• **YOUR OBJECTIVE**: Lines to return, exactly: from the line with "#57=IFCINDEXEDPOLYGONALFACE((75,79,80,76));" to the line with "#61=IFCINDEXEDPOLYGONALFACE((83,87,88,84));" in the entries below, both included.

Saved entries
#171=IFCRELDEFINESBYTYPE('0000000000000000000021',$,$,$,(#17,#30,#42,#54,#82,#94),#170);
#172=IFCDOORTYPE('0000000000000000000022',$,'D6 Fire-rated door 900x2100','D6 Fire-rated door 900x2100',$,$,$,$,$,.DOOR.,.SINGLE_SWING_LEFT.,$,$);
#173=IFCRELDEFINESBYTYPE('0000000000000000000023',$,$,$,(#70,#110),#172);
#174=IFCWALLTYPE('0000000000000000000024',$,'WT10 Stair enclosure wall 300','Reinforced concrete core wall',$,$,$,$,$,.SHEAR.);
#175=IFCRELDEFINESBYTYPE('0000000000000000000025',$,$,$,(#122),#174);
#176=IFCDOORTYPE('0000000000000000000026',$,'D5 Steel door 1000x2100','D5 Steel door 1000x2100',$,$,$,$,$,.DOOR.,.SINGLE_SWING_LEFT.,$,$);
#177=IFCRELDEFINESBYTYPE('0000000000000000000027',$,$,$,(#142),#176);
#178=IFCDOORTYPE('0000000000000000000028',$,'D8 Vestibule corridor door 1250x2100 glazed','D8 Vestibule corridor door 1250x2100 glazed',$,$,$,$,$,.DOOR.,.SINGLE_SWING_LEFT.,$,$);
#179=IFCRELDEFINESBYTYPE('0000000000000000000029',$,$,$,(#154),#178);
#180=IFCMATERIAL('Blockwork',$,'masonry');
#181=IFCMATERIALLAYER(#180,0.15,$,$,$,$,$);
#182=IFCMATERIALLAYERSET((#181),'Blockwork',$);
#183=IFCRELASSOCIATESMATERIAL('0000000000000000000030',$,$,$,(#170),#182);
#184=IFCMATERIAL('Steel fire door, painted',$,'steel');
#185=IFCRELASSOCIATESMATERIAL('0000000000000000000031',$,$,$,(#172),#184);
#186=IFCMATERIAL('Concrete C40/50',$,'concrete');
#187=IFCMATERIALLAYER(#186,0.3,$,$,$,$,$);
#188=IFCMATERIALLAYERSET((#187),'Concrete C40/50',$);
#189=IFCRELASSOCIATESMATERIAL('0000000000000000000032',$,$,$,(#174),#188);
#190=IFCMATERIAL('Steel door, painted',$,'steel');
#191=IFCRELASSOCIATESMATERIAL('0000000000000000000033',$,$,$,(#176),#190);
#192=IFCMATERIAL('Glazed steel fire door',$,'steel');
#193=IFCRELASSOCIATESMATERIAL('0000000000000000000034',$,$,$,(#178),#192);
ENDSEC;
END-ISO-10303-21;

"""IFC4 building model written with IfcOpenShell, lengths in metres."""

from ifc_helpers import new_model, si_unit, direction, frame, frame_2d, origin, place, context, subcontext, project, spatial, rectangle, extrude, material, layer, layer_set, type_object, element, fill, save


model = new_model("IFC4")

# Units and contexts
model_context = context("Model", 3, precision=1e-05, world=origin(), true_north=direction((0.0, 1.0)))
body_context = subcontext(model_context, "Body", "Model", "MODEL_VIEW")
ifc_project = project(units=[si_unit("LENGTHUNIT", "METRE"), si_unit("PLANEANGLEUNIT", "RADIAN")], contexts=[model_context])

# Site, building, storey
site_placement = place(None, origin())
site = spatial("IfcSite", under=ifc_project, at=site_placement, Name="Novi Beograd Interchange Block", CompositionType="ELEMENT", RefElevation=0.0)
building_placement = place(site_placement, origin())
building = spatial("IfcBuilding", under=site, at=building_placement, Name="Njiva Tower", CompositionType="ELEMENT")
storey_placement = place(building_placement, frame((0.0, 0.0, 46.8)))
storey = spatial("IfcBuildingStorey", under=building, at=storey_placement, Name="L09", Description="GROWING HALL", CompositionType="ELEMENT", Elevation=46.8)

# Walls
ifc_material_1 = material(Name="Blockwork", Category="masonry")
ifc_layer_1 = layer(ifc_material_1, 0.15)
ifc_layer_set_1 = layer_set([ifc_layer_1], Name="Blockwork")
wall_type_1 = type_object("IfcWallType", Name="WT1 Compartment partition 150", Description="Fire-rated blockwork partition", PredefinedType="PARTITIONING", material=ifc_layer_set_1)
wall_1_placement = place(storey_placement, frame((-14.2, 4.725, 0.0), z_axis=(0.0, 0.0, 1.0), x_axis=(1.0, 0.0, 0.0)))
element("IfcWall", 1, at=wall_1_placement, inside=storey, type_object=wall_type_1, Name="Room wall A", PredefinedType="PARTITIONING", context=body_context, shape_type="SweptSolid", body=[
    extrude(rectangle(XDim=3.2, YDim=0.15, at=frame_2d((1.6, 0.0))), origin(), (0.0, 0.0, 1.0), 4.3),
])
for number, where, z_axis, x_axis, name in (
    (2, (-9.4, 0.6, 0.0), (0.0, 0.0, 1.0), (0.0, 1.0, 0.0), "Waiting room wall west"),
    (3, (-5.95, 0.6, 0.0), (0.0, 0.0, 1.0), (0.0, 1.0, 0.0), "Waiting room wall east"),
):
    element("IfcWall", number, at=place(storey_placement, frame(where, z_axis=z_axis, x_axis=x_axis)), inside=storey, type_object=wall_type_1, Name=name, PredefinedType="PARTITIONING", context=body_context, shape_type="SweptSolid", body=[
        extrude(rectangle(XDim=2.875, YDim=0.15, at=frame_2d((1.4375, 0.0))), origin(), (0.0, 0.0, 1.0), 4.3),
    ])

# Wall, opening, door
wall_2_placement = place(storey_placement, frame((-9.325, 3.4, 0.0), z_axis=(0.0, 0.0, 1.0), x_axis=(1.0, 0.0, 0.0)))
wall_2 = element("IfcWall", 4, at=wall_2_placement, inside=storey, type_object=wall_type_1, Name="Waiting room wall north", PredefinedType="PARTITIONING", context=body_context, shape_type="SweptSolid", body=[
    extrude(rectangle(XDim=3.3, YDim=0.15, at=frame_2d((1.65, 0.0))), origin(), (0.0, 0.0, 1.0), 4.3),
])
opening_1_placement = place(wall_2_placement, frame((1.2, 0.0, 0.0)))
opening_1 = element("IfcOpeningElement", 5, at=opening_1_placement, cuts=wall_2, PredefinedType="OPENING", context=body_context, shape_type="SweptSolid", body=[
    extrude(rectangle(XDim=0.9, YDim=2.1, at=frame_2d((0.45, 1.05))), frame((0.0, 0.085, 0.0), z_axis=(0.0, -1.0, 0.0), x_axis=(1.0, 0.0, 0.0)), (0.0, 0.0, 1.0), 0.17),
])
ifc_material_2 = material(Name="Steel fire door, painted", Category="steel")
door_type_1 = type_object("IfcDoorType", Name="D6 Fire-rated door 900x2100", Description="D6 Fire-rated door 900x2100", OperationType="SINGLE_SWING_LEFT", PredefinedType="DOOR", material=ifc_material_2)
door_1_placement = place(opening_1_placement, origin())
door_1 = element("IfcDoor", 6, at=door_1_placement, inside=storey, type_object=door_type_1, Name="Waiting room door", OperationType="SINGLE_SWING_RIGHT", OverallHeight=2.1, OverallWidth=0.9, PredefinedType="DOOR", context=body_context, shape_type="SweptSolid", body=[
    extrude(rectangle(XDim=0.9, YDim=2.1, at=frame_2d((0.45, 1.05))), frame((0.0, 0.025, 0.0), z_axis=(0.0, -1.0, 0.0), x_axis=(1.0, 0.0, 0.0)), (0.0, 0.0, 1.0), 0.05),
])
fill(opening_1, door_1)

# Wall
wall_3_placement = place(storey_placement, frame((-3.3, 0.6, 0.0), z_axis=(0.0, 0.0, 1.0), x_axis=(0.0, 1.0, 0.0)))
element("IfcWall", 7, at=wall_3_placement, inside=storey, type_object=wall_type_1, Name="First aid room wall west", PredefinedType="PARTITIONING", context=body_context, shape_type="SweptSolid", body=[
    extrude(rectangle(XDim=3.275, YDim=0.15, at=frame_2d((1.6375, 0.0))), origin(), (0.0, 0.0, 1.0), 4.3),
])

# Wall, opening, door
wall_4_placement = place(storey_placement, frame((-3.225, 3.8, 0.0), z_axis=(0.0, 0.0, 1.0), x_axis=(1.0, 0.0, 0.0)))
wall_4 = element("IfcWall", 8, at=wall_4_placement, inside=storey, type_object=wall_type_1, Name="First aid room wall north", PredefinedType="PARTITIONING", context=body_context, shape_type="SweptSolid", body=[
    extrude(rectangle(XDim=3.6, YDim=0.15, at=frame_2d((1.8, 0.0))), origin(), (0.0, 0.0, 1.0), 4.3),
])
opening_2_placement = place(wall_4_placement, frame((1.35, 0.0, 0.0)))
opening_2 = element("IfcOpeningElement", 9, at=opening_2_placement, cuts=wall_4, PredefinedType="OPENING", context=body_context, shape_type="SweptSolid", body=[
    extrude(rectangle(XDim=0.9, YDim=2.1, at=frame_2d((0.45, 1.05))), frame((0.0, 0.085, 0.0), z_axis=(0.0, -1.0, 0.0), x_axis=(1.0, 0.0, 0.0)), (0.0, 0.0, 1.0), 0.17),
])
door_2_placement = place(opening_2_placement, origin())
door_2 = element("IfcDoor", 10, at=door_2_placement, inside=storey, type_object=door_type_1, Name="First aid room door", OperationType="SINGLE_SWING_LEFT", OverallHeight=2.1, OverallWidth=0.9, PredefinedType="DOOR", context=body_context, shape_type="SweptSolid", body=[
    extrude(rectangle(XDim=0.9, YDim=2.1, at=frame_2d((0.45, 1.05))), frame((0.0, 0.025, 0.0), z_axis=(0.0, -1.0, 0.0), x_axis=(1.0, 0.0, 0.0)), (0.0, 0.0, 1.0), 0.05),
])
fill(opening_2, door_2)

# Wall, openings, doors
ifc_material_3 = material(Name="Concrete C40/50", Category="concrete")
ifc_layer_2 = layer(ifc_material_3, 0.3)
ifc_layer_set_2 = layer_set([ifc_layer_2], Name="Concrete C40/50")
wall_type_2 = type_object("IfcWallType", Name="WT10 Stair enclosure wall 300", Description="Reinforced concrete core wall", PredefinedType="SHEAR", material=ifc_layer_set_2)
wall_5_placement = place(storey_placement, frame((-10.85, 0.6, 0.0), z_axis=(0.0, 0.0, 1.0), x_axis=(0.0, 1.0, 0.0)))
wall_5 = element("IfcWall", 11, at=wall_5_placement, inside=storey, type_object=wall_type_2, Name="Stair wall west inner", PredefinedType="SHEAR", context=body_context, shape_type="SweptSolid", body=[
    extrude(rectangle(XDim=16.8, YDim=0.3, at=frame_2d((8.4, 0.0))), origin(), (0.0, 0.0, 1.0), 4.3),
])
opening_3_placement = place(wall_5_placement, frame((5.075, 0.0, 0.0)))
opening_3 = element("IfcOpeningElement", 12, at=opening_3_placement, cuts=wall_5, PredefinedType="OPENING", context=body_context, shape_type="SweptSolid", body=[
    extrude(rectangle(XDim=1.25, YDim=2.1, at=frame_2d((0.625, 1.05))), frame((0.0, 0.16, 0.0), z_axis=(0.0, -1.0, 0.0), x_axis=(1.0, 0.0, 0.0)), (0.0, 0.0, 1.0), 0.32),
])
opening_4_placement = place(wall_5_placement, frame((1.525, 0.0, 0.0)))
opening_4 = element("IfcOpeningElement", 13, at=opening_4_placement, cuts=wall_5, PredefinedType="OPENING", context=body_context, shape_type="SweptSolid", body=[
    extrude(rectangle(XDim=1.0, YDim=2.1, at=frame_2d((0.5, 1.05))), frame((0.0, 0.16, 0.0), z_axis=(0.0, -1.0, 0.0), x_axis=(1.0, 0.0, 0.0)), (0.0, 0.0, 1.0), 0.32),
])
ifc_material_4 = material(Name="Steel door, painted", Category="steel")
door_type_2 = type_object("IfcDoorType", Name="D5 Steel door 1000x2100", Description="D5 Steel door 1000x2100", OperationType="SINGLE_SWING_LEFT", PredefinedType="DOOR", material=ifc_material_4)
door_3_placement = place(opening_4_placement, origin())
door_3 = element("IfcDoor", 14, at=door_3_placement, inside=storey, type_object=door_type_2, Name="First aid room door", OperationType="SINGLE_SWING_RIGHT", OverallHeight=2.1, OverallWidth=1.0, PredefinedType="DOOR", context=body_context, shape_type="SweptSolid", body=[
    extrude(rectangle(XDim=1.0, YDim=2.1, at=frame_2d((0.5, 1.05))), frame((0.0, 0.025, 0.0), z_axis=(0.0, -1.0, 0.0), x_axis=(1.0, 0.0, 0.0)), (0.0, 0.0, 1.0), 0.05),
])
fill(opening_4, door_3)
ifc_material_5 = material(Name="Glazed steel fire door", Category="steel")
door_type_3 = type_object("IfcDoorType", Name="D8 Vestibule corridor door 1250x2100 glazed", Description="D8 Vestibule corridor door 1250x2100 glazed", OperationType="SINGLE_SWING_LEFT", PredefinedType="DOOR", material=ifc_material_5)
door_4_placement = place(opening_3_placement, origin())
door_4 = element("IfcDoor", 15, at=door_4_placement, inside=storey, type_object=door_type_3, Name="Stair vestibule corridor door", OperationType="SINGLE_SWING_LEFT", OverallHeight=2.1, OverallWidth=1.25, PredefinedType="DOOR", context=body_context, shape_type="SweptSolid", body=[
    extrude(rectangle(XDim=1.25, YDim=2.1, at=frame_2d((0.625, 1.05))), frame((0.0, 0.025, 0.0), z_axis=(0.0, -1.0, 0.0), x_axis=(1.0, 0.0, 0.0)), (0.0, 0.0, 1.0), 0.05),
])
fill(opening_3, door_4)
...
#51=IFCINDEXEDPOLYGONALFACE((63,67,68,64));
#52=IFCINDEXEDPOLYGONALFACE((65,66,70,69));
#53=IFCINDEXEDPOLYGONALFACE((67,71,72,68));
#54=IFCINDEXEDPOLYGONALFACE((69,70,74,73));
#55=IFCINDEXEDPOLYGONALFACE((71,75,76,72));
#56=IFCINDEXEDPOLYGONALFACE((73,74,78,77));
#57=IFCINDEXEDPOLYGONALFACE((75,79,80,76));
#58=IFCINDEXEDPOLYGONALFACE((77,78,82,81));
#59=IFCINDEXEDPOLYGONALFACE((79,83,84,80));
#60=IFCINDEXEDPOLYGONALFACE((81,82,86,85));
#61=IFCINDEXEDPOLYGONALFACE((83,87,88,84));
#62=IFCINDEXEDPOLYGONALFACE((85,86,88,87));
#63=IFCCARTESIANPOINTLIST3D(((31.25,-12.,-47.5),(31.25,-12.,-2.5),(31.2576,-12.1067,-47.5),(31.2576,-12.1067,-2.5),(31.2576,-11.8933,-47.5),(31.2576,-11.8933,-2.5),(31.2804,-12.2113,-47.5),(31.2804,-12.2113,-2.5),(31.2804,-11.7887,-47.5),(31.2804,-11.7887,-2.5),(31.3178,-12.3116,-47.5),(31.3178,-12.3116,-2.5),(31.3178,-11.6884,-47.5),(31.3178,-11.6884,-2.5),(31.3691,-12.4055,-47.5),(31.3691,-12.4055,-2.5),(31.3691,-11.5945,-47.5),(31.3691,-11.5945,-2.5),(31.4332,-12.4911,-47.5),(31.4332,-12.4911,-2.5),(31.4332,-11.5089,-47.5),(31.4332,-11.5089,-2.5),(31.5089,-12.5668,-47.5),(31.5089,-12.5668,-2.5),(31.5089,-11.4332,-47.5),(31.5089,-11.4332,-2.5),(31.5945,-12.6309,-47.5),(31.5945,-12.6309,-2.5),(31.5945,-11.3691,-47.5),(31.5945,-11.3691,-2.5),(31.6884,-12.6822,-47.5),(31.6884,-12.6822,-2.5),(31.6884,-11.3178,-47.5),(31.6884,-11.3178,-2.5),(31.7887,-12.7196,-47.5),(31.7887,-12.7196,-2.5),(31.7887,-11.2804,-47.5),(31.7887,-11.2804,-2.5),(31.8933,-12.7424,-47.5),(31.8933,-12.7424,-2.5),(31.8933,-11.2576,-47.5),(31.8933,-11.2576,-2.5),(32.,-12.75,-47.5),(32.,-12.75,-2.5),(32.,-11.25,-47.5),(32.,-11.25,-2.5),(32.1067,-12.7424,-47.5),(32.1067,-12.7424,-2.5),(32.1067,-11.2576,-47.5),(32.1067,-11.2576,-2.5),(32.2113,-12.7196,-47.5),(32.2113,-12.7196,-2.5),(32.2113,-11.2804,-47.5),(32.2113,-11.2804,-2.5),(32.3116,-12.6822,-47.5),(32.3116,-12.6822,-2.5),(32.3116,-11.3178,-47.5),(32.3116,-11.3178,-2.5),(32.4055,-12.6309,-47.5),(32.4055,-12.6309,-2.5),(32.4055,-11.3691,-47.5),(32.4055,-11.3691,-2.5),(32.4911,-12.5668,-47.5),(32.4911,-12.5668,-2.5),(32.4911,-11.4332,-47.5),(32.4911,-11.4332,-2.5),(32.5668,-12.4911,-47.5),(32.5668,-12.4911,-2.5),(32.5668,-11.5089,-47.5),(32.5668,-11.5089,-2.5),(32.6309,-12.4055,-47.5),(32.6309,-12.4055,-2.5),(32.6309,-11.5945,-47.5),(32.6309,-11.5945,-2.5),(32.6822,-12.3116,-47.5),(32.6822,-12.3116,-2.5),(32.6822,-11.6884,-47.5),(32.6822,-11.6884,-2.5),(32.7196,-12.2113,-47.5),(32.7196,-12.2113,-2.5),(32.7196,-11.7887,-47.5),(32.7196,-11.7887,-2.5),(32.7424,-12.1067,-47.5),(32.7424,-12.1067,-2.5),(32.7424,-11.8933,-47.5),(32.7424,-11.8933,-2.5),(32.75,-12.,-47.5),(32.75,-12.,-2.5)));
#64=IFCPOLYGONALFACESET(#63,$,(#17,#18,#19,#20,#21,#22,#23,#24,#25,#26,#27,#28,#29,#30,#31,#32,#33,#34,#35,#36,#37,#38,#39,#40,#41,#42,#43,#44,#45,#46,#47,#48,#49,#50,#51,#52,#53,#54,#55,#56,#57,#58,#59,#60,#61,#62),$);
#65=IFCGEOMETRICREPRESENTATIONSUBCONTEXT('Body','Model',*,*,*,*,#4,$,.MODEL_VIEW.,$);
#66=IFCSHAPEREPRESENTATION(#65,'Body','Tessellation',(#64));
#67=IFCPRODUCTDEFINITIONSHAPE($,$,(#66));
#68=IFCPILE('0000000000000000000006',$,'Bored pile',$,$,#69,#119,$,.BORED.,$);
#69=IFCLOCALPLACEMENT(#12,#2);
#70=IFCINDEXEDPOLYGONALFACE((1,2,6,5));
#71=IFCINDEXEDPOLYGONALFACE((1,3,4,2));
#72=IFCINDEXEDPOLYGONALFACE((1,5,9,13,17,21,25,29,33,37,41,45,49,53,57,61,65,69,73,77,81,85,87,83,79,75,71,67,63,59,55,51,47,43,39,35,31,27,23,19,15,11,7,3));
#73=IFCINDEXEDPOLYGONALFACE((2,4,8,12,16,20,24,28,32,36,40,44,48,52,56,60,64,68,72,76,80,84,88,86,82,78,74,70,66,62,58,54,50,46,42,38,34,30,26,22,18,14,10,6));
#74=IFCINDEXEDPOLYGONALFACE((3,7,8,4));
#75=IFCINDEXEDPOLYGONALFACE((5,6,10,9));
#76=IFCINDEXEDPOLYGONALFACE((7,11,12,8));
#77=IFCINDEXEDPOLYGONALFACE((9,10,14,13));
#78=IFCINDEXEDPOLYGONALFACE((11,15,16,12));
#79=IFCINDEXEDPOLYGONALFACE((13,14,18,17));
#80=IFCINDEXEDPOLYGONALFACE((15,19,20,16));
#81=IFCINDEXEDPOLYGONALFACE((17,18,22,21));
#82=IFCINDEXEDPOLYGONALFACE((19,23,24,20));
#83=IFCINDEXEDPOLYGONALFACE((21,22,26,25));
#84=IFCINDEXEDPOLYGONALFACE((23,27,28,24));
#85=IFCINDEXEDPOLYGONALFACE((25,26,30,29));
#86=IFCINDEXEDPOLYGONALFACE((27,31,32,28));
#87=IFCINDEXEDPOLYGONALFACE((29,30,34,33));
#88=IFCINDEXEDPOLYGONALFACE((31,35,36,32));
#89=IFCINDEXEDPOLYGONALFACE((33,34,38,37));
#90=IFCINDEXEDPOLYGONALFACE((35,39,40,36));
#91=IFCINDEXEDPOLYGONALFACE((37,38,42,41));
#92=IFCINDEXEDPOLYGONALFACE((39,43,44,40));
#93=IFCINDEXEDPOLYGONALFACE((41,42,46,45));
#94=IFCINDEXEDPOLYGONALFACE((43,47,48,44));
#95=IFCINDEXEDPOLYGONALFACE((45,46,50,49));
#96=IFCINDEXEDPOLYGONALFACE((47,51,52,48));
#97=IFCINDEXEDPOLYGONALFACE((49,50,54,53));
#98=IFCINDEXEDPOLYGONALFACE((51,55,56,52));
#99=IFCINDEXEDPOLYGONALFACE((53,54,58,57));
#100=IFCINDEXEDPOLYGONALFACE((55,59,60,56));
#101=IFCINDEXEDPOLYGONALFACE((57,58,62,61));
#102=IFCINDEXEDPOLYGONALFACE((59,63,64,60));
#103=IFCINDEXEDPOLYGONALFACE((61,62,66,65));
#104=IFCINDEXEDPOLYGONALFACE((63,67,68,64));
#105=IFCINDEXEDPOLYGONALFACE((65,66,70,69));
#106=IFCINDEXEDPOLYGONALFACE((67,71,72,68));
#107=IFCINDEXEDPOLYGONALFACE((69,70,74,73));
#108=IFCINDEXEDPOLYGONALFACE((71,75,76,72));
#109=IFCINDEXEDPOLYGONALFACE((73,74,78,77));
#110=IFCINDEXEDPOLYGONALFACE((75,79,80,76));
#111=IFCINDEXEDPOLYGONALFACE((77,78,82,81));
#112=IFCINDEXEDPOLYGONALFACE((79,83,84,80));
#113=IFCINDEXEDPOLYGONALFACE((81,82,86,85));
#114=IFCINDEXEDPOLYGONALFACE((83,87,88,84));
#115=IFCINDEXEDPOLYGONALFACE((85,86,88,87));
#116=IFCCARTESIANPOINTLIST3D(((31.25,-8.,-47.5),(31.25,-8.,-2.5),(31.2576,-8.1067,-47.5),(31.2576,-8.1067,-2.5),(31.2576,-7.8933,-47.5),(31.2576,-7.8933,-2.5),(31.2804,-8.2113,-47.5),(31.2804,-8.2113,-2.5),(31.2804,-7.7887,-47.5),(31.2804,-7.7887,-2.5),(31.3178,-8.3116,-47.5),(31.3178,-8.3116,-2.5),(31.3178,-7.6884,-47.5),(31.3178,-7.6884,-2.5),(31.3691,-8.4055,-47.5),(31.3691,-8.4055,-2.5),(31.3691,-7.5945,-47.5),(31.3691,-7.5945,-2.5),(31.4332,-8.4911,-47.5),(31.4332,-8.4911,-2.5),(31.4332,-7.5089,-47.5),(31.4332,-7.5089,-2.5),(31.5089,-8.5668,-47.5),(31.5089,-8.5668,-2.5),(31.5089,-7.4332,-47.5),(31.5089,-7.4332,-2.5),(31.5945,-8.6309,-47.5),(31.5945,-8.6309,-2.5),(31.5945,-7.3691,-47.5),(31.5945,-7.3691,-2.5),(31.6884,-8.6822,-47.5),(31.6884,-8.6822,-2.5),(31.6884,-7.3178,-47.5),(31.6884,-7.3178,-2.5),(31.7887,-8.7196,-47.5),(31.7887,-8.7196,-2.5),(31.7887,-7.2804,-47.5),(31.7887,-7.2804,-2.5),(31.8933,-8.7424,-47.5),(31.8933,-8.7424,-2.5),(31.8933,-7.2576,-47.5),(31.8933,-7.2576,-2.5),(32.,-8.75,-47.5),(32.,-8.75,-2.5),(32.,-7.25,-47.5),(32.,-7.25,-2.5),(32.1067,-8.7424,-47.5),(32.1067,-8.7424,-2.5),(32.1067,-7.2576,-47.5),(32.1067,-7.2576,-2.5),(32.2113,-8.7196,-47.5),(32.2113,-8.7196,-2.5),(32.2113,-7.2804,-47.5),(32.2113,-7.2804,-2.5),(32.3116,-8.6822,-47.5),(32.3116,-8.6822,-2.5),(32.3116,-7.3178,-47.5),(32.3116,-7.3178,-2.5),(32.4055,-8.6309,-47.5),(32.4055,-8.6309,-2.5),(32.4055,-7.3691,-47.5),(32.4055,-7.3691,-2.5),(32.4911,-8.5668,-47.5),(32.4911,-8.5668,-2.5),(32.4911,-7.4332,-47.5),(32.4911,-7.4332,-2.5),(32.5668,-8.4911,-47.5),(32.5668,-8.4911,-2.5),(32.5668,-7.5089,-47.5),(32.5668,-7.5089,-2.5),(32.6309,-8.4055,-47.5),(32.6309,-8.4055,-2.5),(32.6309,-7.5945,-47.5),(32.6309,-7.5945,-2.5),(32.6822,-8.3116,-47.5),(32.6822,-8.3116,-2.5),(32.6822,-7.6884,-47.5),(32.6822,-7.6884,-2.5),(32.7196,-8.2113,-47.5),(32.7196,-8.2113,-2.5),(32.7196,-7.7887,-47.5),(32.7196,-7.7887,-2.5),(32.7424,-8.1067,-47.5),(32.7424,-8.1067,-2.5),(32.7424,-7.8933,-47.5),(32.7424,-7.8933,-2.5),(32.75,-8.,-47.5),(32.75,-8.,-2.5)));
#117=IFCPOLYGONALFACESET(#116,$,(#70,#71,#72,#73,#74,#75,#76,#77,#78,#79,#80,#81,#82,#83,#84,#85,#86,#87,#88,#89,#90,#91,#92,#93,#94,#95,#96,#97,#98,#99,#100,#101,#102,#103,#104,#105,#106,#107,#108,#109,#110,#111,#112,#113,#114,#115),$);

• **PROBLEM SOLUTION**:
#57=IFCINDEXEDPOLYGONALFACE((75,79,80,76));
#58=IFCINDEXEDPOLYGONALFACE((77,78,82,81));
#59=IFCINDEXEDPOLYGONALFACE((79,83,84,80));
#60=IFCINDEXEDPOLYGONALFACE((81,82,86,85));
#61=IFCINDEXEDPOLYGONALFACE((83,87,88,84));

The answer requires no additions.